» **The problem**:
Look through the records below for the line with "#119=IFCINDEXEDPOLYGONALFACE((1,3,7,5));" and the line with "#123=IFCINDEXEDPOLYGONALFACE((5,7,8,6));", then return those lines and all lines between, exactly.

+++ Material to process +++

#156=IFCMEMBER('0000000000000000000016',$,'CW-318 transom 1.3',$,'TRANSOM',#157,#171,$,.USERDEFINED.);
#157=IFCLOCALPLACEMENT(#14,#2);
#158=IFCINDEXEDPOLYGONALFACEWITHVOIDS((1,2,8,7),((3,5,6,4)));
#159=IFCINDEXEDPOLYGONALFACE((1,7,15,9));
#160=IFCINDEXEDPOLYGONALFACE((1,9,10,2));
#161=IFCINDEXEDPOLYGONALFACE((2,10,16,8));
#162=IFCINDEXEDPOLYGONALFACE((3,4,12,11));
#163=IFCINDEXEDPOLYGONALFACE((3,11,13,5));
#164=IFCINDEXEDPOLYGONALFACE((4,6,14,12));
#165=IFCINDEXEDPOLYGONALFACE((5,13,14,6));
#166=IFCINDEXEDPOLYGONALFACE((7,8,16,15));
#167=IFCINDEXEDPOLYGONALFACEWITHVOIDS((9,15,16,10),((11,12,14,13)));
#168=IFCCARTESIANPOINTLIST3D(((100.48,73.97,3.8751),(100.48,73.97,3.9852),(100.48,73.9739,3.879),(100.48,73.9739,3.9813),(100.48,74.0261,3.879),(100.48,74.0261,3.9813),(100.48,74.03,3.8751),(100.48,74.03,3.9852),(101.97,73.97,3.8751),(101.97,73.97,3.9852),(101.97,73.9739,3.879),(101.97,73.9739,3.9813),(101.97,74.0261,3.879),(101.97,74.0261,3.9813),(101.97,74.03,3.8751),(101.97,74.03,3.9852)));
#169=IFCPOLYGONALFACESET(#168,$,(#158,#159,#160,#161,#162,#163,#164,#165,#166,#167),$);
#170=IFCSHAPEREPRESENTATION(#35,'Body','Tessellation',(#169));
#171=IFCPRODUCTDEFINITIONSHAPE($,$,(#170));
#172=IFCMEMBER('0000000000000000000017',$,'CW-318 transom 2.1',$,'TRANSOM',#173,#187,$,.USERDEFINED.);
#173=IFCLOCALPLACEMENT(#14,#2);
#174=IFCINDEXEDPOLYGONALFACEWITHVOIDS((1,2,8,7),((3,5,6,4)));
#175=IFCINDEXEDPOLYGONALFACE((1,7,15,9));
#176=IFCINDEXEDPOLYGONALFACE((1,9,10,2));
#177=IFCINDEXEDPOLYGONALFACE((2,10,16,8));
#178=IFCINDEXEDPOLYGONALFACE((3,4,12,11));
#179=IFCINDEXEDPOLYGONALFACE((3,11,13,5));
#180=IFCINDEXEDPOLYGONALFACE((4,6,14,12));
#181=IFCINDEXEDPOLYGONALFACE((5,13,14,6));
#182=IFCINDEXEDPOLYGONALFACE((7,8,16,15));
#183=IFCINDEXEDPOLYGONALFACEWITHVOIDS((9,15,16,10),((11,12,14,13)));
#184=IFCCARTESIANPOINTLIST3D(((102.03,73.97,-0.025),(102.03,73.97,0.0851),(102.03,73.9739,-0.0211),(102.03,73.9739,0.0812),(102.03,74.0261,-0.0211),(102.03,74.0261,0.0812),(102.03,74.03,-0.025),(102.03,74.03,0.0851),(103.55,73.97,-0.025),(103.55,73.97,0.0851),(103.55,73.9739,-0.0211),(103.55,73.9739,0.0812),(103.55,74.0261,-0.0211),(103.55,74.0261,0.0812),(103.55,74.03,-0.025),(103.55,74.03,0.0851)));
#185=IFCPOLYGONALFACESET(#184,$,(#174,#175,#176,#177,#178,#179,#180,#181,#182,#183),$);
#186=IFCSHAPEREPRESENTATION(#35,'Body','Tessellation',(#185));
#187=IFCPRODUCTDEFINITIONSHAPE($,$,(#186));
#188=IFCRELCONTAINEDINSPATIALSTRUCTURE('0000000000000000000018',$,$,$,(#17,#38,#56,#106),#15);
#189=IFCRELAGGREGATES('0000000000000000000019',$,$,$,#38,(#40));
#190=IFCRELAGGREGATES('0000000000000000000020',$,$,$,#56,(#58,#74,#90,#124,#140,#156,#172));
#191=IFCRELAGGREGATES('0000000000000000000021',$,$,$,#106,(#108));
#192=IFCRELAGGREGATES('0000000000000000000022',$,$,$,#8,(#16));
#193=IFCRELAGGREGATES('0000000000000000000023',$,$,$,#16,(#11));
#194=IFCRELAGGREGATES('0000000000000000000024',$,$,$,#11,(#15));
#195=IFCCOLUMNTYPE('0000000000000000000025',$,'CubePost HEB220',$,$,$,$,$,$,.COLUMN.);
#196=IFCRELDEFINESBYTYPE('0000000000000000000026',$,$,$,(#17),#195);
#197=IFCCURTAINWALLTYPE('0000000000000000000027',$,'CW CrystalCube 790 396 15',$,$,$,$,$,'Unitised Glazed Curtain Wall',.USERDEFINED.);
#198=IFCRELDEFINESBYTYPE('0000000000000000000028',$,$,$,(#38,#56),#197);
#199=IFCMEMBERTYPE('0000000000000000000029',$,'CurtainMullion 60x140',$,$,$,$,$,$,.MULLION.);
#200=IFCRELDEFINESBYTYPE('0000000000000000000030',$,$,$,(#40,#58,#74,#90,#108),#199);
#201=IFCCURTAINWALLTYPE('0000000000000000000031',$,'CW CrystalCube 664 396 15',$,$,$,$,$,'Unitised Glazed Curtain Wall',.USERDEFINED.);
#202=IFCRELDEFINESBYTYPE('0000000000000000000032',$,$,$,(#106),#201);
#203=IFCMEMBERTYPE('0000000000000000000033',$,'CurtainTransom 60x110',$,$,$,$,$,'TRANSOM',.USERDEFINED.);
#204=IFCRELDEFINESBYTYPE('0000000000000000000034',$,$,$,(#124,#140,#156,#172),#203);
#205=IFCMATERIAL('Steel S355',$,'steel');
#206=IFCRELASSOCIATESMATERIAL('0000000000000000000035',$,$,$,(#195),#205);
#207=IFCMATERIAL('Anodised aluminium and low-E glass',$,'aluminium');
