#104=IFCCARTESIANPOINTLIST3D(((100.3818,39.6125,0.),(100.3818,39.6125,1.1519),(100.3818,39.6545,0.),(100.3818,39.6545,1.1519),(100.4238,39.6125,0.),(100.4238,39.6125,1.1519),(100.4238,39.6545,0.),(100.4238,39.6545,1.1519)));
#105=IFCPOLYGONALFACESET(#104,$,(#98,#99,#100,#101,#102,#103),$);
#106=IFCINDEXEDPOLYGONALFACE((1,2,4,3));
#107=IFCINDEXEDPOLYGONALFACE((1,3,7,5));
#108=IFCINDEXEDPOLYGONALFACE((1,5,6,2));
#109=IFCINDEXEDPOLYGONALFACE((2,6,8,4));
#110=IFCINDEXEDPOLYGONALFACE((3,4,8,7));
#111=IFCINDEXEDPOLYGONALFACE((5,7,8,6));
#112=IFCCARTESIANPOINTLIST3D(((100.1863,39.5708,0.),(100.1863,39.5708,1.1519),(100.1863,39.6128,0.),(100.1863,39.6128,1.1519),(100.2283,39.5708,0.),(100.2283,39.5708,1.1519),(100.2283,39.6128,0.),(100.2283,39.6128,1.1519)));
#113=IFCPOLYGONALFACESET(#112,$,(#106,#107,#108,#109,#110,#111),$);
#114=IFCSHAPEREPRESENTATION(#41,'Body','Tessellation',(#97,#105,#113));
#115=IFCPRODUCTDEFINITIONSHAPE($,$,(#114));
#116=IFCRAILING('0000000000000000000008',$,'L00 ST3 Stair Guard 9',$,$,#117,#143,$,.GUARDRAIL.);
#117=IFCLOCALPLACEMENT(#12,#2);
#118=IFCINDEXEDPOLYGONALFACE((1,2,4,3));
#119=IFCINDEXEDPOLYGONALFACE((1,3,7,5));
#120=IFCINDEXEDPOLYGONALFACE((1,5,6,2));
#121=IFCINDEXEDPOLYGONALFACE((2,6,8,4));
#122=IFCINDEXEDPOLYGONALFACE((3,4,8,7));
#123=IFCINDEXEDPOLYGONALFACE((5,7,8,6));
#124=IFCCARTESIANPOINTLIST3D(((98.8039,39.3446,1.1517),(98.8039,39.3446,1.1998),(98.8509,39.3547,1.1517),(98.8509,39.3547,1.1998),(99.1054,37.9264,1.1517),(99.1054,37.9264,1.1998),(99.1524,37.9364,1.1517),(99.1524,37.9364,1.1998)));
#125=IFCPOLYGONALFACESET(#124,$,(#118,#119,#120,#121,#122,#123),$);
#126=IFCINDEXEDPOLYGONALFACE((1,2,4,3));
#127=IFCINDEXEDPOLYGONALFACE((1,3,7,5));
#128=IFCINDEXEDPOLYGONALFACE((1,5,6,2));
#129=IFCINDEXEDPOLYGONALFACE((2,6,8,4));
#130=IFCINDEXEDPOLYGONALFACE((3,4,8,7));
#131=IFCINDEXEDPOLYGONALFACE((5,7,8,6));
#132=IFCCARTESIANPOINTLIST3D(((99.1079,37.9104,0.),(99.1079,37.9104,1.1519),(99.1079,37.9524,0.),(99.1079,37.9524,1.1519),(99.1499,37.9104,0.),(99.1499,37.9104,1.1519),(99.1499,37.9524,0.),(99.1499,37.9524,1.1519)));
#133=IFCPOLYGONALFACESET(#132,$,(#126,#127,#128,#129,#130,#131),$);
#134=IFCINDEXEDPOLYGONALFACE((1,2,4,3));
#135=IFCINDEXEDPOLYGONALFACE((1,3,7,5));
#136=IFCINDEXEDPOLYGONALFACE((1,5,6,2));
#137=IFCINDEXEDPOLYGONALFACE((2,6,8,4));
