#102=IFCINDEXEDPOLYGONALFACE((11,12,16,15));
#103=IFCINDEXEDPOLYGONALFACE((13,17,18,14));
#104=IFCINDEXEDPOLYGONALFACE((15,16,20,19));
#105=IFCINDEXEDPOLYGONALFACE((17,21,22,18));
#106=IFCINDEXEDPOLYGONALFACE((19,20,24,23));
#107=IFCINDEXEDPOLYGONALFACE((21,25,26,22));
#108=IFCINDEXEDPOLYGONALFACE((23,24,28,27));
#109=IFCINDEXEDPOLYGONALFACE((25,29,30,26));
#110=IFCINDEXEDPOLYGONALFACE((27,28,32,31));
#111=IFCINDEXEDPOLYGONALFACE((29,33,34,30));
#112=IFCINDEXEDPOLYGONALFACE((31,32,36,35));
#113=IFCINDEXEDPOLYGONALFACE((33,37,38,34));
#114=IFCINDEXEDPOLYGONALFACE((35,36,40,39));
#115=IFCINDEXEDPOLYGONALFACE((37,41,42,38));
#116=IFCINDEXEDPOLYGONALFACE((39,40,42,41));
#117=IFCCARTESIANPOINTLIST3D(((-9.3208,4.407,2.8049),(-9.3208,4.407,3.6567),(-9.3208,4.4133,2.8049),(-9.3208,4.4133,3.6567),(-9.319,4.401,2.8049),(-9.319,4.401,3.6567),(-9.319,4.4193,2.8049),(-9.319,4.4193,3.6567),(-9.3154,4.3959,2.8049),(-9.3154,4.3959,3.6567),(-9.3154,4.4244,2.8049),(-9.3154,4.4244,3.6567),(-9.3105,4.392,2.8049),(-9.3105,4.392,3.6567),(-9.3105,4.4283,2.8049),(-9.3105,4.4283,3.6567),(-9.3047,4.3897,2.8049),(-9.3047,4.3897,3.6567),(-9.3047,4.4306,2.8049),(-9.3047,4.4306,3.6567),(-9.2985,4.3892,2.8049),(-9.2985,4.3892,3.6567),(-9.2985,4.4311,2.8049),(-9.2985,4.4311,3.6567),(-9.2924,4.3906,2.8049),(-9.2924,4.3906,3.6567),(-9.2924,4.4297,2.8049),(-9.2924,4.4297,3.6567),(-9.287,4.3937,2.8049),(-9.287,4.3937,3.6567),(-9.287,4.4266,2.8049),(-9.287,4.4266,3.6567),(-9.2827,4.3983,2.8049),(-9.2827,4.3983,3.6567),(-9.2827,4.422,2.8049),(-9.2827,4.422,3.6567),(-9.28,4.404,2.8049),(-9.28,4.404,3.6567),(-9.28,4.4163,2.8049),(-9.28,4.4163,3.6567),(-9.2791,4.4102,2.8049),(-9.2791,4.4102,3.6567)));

+++

» **Exercise solution**:
#119=IFCINDEXEDPOLYGONALFACE((1,3,7,5));
#120=IFCINDEXEDPOLYGONALFACE((1,5,6,2));
#121=IFCINDEXEDPOLYGONALFACE((2,6,8,4));
#122=IFCINDEXEDPOLYGONALFACE((3,4,8,7));
#123=IFCINDEXEDPOLYGONALFACE((5,7,8,6));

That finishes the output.